(Beginning of Source material)
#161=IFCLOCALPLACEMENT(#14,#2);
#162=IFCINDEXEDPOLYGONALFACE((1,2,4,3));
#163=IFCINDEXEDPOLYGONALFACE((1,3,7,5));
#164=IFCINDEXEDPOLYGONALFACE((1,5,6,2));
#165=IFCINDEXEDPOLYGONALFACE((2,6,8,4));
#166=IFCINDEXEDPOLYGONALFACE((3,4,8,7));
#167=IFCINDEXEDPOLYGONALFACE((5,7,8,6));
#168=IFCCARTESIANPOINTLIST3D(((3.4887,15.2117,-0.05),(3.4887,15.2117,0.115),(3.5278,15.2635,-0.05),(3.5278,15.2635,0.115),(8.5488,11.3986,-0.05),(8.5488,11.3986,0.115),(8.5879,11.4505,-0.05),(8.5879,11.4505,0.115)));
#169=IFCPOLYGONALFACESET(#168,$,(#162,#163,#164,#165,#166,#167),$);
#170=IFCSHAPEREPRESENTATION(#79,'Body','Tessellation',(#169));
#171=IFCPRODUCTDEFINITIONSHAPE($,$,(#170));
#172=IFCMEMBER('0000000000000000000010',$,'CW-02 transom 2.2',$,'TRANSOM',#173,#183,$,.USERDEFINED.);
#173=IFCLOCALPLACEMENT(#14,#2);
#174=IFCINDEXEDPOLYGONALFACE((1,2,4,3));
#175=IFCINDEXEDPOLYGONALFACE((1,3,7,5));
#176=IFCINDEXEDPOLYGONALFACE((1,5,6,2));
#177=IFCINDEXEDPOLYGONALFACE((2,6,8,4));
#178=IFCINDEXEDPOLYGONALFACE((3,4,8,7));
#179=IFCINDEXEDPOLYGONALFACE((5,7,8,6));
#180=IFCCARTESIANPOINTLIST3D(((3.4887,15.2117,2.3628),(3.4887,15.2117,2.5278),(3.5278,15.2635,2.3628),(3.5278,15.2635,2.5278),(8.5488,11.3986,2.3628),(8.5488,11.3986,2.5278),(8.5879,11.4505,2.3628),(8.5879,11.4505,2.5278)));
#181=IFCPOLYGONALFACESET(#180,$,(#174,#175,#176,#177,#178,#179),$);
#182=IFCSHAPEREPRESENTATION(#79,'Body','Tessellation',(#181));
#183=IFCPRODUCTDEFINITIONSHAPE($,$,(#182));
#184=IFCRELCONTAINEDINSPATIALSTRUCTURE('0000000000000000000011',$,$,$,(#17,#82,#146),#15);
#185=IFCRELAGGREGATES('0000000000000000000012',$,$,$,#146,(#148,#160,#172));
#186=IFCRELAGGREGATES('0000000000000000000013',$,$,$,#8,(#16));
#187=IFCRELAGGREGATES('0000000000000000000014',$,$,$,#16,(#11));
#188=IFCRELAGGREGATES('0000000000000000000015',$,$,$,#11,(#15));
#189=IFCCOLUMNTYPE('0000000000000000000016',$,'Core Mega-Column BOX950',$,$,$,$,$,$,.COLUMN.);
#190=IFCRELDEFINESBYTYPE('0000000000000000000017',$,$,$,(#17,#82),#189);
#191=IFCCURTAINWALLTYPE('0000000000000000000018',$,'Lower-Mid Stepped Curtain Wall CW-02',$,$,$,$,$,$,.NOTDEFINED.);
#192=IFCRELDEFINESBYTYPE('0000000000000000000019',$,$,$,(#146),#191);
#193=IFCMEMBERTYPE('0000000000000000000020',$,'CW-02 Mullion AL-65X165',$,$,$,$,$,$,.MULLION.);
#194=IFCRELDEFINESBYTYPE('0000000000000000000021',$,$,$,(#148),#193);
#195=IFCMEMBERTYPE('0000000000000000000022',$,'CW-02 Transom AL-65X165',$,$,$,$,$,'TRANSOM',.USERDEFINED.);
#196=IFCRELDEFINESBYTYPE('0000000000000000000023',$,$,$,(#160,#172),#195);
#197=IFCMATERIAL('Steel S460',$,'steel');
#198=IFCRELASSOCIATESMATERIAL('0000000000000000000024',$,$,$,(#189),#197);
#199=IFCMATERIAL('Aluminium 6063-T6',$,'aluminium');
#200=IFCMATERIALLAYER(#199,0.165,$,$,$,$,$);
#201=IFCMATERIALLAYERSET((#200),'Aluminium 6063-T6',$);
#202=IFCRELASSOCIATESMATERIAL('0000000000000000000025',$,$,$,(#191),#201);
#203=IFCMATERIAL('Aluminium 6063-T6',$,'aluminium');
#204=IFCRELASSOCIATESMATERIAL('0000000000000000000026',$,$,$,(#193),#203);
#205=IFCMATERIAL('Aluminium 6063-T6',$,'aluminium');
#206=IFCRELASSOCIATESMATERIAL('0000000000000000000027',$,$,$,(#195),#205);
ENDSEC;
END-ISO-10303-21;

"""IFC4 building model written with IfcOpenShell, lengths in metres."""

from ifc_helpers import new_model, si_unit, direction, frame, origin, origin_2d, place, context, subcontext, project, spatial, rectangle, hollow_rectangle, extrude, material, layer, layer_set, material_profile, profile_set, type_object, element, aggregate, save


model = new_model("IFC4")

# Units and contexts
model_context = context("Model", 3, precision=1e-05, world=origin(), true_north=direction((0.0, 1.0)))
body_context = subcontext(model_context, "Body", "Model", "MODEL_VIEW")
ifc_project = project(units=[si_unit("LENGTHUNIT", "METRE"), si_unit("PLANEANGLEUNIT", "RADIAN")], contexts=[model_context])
(End of Source material)
(Beginning of Source material)
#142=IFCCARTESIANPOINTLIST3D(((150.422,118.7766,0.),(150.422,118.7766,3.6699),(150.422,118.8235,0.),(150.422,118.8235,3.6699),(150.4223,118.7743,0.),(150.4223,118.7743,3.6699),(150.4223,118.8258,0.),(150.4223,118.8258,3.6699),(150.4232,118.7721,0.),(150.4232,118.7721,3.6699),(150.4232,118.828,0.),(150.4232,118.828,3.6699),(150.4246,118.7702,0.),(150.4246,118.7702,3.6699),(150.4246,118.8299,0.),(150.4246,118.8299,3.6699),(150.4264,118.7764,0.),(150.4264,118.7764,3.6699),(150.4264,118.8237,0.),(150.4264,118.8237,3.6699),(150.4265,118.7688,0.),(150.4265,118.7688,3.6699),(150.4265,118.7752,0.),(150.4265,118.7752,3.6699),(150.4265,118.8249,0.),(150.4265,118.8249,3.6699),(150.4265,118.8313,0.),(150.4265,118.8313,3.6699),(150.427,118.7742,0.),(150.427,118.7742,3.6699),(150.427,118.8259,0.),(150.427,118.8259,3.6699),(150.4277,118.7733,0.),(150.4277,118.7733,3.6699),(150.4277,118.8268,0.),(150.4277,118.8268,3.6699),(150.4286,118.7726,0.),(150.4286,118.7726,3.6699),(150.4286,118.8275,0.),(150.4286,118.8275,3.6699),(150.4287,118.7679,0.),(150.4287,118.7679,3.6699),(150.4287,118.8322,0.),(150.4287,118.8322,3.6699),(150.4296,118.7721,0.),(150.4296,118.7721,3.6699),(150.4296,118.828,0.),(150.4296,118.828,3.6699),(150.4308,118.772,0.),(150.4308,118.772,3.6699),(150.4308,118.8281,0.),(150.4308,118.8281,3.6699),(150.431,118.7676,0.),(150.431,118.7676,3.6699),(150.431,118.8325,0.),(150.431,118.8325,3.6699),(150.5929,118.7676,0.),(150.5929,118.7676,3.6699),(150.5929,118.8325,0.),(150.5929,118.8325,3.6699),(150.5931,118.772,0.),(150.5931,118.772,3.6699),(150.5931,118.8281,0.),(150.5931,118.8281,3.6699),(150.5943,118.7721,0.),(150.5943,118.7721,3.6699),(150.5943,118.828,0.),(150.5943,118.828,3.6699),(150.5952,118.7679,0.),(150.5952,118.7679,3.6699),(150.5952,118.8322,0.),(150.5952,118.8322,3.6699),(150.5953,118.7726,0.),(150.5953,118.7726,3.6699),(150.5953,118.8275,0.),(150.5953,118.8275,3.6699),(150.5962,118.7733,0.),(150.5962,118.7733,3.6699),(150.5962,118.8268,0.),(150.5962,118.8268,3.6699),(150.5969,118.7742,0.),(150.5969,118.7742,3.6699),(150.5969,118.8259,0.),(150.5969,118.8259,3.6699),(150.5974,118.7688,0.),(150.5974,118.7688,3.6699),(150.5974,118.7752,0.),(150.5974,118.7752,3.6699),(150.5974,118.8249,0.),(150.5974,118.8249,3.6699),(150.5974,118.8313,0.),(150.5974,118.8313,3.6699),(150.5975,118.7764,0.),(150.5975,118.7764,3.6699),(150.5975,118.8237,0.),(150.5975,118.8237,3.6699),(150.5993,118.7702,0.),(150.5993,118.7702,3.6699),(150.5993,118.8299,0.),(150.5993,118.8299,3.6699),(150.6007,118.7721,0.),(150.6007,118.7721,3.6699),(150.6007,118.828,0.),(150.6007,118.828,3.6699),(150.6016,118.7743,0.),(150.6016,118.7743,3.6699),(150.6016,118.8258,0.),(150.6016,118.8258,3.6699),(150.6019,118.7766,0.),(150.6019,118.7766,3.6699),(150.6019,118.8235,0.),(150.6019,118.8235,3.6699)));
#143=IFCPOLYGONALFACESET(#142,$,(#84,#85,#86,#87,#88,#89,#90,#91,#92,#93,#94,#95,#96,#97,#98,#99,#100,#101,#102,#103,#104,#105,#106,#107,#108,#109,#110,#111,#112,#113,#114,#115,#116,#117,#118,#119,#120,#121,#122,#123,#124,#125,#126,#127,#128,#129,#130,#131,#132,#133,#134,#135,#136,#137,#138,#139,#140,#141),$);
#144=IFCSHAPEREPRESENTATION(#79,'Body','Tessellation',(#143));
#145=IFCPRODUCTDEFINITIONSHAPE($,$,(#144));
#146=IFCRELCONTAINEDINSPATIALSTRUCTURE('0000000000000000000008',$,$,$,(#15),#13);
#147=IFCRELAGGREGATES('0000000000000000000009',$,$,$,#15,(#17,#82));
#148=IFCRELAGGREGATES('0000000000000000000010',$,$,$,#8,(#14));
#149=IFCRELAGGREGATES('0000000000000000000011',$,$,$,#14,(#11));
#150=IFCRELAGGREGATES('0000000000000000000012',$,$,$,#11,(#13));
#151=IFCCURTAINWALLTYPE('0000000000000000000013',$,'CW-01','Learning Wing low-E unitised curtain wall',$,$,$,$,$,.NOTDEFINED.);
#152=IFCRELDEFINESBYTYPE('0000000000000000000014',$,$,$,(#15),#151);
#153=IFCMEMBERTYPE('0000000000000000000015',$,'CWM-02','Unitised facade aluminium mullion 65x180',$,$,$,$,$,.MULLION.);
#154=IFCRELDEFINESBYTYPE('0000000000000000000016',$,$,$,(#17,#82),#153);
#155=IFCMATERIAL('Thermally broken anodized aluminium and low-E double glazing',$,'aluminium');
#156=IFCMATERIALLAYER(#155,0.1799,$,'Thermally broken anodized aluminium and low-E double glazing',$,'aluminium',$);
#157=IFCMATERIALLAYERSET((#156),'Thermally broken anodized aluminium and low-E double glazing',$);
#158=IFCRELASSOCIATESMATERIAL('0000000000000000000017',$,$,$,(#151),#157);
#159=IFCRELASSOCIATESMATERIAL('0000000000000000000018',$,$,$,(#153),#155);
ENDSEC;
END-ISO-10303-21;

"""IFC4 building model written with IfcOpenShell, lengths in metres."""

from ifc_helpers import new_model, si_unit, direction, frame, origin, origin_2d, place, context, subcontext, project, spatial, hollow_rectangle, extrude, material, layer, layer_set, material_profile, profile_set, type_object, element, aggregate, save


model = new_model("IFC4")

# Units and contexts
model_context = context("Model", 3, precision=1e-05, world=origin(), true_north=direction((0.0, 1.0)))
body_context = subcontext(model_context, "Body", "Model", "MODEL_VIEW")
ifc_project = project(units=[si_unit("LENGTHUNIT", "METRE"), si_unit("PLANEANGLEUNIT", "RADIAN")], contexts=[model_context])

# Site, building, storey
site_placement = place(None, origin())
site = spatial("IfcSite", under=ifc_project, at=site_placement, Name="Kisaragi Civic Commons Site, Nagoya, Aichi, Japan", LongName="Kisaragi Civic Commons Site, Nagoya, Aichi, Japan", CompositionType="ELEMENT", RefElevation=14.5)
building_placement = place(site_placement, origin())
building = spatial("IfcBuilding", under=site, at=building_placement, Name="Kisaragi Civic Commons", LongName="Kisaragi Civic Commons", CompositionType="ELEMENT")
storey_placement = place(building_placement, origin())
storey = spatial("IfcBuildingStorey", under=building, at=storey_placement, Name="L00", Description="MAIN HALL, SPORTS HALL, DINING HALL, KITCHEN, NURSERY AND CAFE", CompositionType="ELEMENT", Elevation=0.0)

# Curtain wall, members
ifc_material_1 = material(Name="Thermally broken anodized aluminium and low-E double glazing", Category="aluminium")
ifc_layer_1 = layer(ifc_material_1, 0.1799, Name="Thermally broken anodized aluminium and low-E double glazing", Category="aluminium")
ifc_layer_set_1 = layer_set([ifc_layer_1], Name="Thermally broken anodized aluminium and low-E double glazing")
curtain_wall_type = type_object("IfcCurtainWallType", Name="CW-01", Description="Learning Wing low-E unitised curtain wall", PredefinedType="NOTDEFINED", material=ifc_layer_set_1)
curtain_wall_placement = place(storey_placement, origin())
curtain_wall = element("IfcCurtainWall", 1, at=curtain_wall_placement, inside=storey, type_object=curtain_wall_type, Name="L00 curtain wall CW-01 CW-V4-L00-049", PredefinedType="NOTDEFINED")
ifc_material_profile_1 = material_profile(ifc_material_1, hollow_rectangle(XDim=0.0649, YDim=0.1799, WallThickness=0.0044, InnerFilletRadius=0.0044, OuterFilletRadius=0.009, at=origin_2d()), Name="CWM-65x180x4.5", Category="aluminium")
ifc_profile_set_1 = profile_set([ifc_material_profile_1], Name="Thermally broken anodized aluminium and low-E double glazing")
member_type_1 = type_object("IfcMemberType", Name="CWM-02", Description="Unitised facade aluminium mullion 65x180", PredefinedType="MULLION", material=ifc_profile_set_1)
(End of Source material)
◆ Prompt
Line count for "IFCPOLYGONALFACESET": count the lines in the records above that hold this word, and give only the number.

◆ Exercise output
3